__Description of the task__. What is the number of lines in the data below that hold the word "IFCINDEXEDPOLYGONALFACEWITHVOIDS"? Give nothing beyond that number.

(Saved entries)
────

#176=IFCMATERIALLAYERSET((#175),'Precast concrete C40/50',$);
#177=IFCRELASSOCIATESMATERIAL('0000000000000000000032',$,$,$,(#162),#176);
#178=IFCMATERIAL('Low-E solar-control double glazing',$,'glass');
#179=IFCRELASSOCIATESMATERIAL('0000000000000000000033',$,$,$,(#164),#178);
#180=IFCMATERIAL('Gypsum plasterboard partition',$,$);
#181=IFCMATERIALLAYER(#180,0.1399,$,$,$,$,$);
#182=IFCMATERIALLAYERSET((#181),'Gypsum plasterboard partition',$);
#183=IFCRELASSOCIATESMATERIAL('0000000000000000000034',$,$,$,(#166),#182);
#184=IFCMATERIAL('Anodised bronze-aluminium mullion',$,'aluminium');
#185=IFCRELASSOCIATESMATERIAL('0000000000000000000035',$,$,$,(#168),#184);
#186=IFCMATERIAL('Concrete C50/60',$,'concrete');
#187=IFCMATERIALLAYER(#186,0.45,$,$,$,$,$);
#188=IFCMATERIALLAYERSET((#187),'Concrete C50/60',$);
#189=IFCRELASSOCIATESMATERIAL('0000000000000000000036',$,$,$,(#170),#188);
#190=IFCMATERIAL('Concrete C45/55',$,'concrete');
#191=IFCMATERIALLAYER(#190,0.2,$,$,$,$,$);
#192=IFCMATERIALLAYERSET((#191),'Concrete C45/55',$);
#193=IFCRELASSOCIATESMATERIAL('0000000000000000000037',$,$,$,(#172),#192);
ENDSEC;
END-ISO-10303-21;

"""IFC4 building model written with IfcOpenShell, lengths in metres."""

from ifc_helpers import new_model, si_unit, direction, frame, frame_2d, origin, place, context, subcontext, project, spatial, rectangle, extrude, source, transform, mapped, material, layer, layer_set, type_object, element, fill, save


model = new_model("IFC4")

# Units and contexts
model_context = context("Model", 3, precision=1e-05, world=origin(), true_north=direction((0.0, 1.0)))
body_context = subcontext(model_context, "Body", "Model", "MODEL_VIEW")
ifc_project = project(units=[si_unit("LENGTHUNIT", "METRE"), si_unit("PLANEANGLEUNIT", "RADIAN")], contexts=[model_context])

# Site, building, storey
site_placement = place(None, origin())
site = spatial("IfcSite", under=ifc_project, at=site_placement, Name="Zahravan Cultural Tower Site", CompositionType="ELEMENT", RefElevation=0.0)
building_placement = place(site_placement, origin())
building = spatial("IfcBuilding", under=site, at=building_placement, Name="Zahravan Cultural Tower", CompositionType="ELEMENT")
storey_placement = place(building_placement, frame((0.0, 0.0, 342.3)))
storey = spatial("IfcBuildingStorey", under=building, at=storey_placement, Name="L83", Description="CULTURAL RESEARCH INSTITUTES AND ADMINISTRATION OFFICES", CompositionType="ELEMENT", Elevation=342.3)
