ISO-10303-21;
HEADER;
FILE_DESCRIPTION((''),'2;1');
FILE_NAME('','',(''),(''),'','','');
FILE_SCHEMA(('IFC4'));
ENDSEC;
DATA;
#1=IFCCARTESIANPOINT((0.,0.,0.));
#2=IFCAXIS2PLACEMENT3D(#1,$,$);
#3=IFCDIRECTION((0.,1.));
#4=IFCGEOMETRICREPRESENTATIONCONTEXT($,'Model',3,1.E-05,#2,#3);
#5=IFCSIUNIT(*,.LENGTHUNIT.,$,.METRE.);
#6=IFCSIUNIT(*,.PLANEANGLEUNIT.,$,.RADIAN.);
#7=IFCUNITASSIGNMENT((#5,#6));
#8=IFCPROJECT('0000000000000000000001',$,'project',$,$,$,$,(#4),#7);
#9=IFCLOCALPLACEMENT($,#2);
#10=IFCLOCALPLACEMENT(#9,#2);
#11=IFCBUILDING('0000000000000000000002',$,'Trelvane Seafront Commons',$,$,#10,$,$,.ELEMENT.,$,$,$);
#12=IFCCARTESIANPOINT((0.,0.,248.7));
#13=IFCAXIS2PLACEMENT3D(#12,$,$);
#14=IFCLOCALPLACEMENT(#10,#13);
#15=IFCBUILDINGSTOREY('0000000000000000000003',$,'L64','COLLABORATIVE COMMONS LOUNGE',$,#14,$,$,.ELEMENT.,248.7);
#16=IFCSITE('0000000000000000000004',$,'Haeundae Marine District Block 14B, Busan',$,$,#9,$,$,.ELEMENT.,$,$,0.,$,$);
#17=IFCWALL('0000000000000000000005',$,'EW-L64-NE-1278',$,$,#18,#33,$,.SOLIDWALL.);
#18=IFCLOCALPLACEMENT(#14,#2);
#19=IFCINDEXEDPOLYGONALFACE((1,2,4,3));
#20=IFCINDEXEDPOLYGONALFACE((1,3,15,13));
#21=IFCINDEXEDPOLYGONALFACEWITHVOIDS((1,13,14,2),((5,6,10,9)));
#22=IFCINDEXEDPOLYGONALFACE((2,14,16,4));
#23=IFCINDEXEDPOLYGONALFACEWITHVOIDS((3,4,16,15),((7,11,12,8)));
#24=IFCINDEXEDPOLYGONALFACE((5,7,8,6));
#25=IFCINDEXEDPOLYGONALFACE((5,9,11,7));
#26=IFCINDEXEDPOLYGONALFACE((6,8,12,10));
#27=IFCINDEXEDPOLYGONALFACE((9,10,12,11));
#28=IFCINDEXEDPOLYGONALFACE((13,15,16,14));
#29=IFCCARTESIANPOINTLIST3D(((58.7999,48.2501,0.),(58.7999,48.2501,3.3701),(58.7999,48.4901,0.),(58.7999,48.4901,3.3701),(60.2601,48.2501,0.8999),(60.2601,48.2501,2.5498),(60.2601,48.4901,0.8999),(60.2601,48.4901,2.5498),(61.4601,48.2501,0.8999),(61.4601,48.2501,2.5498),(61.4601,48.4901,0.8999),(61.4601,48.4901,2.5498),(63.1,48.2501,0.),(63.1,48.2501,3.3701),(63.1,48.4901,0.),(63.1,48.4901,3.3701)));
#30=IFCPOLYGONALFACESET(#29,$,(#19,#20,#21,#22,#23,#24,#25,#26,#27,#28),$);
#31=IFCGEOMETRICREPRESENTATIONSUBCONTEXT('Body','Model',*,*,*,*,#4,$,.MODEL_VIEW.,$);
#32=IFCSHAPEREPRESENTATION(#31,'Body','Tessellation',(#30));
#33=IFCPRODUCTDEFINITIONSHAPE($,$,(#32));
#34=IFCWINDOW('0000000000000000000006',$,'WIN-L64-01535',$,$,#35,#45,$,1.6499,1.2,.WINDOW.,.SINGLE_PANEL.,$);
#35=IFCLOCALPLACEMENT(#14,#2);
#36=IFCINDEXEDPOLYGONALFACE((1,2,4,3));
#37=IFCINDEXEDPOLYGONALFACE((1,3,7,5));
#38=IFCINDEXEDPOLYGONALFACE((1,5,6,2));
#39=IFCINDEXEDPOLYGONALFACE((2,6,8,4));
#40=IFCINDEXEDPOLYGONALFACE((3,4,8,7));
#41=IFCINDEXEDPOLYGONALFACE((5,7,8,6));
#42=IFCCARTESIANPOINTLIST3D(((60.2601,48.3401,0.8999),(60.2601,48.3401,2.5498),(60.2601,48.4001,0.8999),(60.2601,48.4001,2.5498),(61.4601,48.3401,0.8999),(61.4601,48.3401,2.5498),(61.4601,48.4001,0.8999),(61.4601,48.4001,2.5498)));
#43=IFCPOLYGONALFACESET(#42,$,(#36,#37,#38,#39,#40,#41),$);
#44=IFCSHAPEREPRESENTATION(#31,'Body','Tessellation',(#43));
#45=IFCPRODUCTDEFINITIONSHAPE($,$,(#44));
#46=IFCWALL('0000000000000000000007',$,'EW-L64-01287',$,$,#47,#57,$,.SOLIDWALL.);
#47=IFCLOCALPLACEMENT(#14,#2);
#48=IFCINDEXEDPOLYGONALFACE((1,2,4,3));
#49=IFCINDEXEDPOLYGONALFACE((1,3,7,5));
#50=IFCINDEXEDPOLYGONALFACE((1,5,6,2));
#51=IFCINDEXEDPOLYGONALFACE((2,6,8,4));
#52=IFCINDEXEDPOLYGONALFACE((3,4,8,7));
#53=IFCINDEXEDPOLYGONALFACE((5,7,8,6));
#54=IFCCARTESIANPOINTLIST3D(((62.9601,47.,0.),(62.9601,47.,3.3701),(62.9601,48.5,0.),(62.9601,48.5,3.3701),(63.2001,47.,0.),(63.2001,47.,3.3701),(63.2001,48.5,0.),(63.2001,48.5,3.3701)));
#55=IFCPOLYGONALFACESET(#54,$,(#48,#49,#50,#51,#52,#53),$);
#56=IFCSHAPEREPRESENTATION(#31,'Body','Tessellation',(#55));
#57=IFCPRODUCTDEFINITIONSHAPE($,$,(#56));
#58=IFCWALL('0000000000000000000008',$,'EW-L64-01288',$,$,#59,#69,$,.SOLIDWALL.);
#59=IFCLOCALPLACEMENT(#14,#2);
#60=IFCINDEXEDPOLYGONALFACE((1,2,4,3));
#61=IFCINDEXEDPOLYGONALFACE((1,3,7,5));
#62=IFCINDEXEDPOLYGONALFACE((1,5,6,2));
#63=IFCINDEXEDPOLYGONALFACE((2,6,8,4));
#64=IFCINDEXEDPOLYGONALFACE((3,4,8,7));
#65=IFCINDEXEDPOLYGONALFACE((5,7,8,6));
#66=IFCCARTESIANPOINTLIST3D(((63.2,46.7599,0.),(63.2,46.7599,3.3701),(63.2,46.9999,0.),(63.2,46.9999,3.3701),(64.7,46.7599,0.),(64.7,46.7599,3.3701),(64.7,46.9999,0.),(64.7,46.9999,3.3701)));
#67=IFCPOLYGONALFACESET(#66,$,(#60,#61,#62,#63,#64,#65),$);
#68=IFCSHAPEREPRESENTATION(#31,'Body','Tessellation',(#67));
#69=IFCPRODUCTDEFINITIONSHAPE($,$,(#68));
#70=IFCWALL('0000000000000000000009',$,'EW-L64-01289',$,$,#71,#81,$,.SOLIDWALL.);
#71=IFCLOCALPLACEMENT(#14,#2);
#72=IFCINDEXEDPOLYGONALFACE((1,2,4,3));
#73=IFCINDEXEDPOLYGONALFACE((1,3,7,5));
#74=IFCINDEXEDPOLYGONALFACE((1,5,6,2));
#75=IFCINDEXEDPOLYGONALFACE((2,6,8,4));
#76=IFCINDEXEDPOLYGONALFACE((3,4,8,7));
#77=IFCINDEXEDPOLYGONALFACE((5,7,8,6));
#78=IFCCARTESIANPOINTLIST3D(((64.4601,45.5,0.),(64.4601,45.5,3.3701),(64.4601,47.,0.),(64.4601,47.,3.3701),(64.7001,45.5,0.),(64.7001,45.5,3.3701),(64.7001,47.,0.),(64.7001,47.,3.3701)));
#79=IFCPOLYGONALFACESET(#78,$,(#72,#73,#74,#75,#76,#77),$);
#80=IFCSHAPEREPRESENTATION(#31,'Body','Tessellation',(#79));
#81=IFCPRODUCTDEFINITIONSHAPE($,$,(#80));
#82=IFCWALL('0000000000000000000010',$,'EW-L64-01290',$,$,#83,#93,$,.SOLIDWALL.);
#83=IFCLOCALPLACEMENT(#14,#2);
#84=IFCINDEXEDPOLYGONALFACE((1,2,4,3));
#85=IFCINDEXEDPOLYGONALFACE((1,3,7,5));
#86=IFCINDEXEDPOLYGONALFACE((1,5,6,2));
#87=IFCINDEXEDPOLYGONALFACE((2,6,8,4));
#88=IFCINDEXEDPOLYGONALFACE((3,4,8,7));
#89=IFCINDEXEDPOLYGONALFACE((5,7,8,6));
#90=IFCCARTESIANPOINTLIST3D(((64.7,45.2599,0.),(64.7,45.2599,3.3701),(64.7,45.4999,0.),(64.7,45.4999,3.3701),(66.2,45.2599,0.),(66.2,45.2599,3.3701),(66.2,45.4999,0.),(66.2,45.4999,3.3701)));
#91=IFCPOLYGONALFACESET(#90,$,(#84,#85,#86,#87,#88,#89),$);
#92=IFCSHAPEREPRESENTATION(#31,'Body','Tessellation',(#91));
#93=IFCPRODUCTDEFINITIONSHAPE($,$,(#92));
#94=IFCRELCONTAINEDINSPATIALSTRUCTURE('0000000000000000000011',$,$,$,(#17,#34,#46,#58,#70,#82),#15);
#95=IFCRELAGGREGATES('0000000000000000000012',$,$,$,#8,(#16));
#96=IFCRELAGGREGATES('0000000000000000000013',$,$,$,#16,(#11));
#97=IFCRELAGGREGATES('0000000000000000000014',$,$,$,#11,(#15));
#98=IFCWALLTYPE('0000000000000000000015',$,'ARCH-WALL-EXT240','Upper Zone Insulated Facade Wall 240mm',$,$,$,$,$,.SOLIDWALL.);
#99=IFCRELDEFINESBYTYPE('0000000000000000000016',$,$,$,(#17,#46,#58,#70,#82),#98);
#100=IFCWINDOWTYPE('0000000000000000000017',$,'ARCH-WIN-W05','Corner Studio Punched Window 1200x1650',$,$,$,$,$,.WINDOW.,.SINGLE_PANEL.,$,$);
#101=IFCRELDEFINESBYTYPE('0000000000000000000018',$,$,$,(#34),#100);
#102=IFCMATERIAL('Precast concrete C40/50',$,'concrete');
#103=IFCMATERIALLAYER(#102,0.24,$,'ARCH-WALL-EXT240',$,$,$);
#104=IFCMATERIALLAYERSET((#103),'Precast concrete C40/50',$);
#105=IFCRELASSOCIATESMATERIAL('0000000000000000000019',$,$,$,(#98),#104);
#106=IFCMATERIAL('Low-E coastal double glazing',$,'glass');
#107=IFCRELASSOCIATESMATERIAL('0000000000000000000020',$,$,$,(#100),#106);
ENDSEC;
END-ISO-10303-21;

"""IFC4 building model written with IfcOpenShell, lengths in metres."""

from ifc_helpers import new_model, si_unit, direction, frame, frame_2d, origin, place, context, subcontext, project, spatial, rectangle, extrude, source, transform, mapped, material, layer, layer_set, type_object, element, fill, save


model = new_model("IFC4")

# Units and contexts
model_context = context("Model", 3, precision=1e-05, world=origin(), true_north=direction((0.0, 1.0)))
body_context = subcontext(model_context, "Body", "Model", "MODEL_VIEW")
ifc_project = project(units=[si_unit("LENGTHUNIT", "METRE"), si_unit("PLANEANGLEUNIT", "RADIAN")], contexts=[model_context])

# Site, building, storey
site_placement = place(None, origin())
site = spatial("IfcSite", under=ifc_project, at=site_placement, Name="Haeundae Marine District Block 14B, Busan", CompositionType="ELEMENT", RefElevation=0.0)
building_placement = place(site_placement, origin())
building = spatial("IfcBuilding", under=site, at=building_placement, Name="Trelvane Seafront Commons", CompositionType="ELEMENT")
storey_placement = place(building_placement, frame((0.0, 0.0, 248.7)))
storey = spatial("IfcBuildingStorey", under=building, at=storey_placement, Name="L64", Description="COLLABORATIVE COMMONS LOUNGE", CompositionType="ELEMENT", Elevation=248.7)

# Shared definitions
ifc_material_1 = material(Name="Low-E coastal double glazing", Category="glass")

# Wall, opening, window
ifc_material_2 = material(Name="Precast concrete C40/50", Category="concrete")
ifc_layer_1 = layer(ifc_material_2, 0.24, Name="ARCH-WALL-EXT240")
ifc_layer_set_1 = layer_set([ifc_layer_1], Name="Precast concrete C40/50")
wall_type_1 = type_object("IfcWallType", Name="ARCH-WALL-EXT240", Description="Upper Zone Insulated Facade Wall 240mm", PredefinedType="SOLIDWALL", material=ifc_layer_set_1)
wall_1_placement = place(storey_placement, frame((58.8, 48.3701, 0.0), z_axis=(0.0, 0.0, 1.0), x_axis=(1.0, 0.0, 0.0)))
wall_1 = element("IfcWall", 1, at=wall_1_placement, inside=storey, type_object=wall_type_1, Name="EW-L64-NE-1278", PredefinedType="SOLIDWALL", context=body_context, shape_type="SweptSolid", body=[
    extrude(rectangle(XDim=4.3, YDim=0.24, at=frame_2d((2.1499, 0.0))), origin(), (0.0, 0.0, 1.0), 3.3701),
])
opening_1_placement = place(wall_1_placement, frame((1.46, 0.0, 0.8999)))
opening_1 = element("IfcOpeningElement", 2, at=opening_1_placement, cuts=wall_1, PredefinedType="OPENING", context=body_context, shape_type="SweptSolid", body=[
    extrude(rectangle(XDim=1.2, YDim=1.6499, at=frame_2d((0.6001, 0.825))), frame((0.0, 0.1299, 0.0), z_axis=(0.0, -1.0, 0.0), x_axis=(1.0, 0.0, 0.0)), (0.0, 0.0, 1.0), 0.26),
])
window_type_1 = type_object("IfcWindowType", Name="ARCH-WIN-W05", Description="Corner Studio Punched Window 1200x1650", PartitioningType="SINGLE_PANEL", PredefinedType="WINDOW", material=ifc_material_1)
shared_shape_1 = source(origin(), body_context, "Body", "SweptSolid", [
    extrude(rectangle(XDim=1.2, YDim=1.6499, at=frame_2d((0.6001, 0.825))), frame((0.0, 0.03, 0.0), z_axis=(0.0, -1.0, 0.0), x_axis=(1.0, 0.0, 0.0)), (0.0, 0.0, 1.0), 0.0601),
])
window_1_placement = place(opening_1_placement, origin())
window_1 = element("IfcWindow", 3, at=window_1_placement, inside=storey, type_object=window_type_1, Name="WIN-L64-01535", OverallHeight=1.6499, OverallWidth=1.2, PartitioningType="SINGLE_PANEL", PredefinedType="WINDOW", context=body_context, shape_type="MappedRepresentation", body=[
    mapped(shared_shape_1, transform((0.0, 0.0, 0.0), x_axis=(1.0, 0.0, 0.0), y_axis=(0.0, 1.0, 0.0), z_axis=(0.0, 0.0, 1.0), scale=1.0)),
])
fill(opening_1, window_1)

# Walls
for number, where, z_axis, x_axis, name in (
    (4, (63.0801, 48.5, 0.0), (0.0, 0.0, 1.0), (0.0, -1.0, 0.0), "EW-L64-01287"),
    (5, (63.2, 46.8799, 0.0), (0.0, 0.0, 1.0), (1.0, 0.0, 0.0), "EW-L64-01288"),
    (6, (64.5801, 47.0, 0.0), (0.0, 0.0, 1.0), (0.0, -1.0, 0.0), "EW-L64-01289"),
    (7, (64.7, 45.3799, 0.0), (0.0, 0.0, 1.0), (1.0, 0.0, 0.0), "EW-L64-01290"),
):
    element("IfcWall", number, at=place(storey_placement, frame(where, z_axis=z_axis, x_axis=x_axis)), inside=storey, type_object=wall_type_1, Name=name, PredefinedType="SOLIDWALL", context=body_context, shape_type="SweptSolid", body=[
        extrude(rectangle(XDim=1.5, YDim=0.24, at=frame_2d((0.75, 0.0))), origin(), (0.0, 0.0, 1.0), 3.3701),
    ])

save(model, "model.ifc")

────

__Written answer__. 2